▶ _ACTIVITY_
Repeat exactly the lines of the listing below, please, starting with the first and ending with the line containing "#187=IFCINDEXEDPOLYGONALFACE((67,71,72,68));"; leave out the rest.

▶ _RAW DATA_
....................
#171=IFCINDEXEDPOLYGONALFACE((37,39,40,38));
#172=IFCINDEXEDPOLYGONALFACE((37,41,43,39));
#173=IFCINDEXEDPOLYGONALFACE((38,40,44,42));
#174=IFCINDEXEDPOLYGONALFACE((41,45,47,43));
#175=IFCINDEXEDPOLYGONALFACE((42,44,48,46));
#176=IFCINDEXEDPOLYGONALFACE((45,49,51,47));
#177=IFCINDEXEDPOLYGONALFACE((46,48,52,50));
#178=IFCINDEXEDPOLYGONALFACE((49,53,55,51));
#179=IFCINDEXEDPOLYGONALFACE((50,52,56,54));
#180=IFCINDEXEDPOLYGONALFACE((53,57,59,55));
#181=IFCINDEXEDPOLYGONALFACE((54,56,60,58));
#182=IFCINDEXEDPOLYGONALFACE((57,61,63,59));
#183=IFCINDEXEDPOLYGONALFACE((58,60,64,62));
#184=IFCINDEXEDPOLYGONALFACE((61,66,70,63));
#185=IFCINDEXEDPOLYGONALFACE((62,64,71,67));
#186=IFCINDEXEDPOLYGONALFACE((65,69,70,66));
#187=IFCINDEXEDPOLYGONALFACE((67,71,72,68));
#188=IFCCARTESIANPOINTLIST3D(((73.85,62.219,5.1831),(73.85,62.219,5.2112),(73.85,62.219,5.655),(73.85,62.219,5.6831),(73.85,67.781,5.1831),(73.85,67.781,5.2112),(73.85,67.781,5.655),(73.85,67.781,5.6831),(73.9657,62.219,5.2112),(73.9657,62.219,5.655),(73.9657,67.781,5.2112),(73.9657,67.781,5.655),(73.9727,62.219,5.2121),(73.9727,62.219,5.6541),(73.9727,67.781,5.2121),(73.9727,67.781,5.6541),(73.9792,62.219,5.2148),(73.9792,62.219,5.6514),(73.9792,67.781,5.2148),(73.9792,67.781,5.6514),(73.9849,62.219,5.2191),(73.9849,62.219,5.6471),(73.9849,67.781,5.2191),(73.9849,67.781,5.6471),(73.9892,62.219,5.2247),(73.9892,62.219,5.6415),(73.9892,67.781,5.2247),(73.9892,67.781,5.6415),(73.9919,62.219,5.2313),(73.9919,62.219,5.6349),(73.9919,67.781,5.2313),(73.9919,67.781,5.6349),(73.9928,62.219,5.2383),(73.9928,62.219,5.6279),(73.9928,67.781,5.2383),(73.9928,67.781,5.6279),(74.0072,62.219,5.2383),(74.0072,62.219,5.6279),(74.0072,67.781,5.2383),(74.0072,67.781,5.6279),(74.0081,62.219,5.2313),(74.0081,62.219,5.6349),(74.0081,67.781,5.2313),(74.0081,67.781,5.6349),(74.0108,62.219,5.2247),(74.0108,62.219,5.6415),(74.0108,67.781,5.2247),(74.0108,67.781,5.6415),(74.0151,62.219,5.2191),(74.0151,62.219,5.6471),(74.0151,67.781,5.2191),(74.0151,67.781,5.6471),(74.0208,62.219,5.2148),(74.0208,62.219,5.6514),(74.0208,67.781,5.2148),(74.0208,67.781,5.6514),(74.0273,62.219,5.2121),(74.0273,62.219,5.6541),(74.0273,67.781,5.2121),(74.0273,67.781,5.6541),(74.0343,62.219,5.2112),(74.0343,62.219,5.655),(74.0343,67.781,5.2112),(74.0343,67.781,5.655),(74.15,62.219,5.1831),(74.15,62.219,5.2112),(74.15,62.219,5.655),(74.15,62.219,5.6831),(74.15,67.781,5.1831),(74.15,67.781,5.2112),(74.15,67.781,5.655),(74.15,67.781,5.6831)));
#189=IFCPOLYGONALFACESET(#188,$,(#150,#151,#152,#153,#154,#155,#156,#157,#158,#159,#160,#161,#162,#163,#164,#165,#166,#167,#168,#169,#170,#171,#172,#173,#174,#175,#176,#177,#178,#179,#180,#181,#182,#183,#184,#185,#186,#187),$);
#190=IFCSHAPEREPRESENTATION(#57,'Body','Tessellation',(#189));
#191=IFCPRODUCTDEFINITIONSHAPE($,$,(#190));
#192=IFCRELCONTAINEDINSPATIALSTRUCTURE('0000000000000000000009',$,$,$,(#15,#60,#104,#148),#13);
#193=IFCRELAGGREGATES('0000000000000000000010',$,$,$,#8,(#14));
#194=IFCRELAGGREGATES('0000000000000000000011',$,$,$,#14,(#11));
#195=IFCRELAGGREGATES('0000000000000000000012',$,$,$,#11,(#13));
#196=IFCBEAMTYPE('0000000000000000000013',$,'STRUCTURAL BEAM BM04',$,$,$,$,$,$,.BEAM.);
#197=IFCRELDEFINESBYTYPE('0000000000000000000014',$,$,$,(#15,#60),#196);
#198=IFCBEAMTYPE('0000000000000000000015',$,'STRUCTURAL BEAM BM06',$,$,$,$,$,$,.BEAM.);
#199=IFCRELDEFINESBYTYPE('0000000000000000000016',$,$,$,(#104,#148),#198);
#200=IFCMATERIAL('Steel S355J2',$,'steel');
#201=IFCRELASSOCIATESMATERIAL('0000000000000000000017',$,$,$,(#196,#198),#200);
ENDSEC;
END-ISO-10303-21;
....................
▶ _PROBLEM SOLUTION_
#171=IFCINDEXEDPOLYGONALFACE((37,39,40,38));
#172=IFCINDEXEDPOLYGONALFACE((37,41,43,39));
#173=IFCINDEXEDPOLYGONALFACE((38,40,44,42));
#174=IFCINDEXEDPOLYGONALFACE((41,45,47,43));
#175=IFCINDEXEDPOLYGONALFACE((42,44,48,46));
#176=IFCINDEXEDPOLYGONALFACE((45,49,51,47));
#177=IFCINDEXEDPOLYGONALFACE((46,48,52,50));
#178=IFCINDEXEDPOLYGONALFACE((49,53,55,51));
#179=IFCINDEXEDPOLYGONALFACE((50,52,56,54));
#180=IFCINDEXEDPOLYGONALFACE((53,57,59,55));
#181=IFCINDEXEDPOLYGONALFACE((54,56,60,58));
#182=IFCINDEXEDPOLYGONALFACE((57,61,63,59));
#183=IFCINDEXEDPOLYGONALFACE((58,60,64,62));
#184=IFCINDEXEDPOLYGONALFACE((61,66,70,63));
#185=IFCINDEXEDPOLYGONALFACE((62,64,71,67));
#186=IFCINDEXEDPOLYGONALFACE((65,69,70,66));
#187=IFCINDEXEDPOLYGONALFACE((67,71,72,68));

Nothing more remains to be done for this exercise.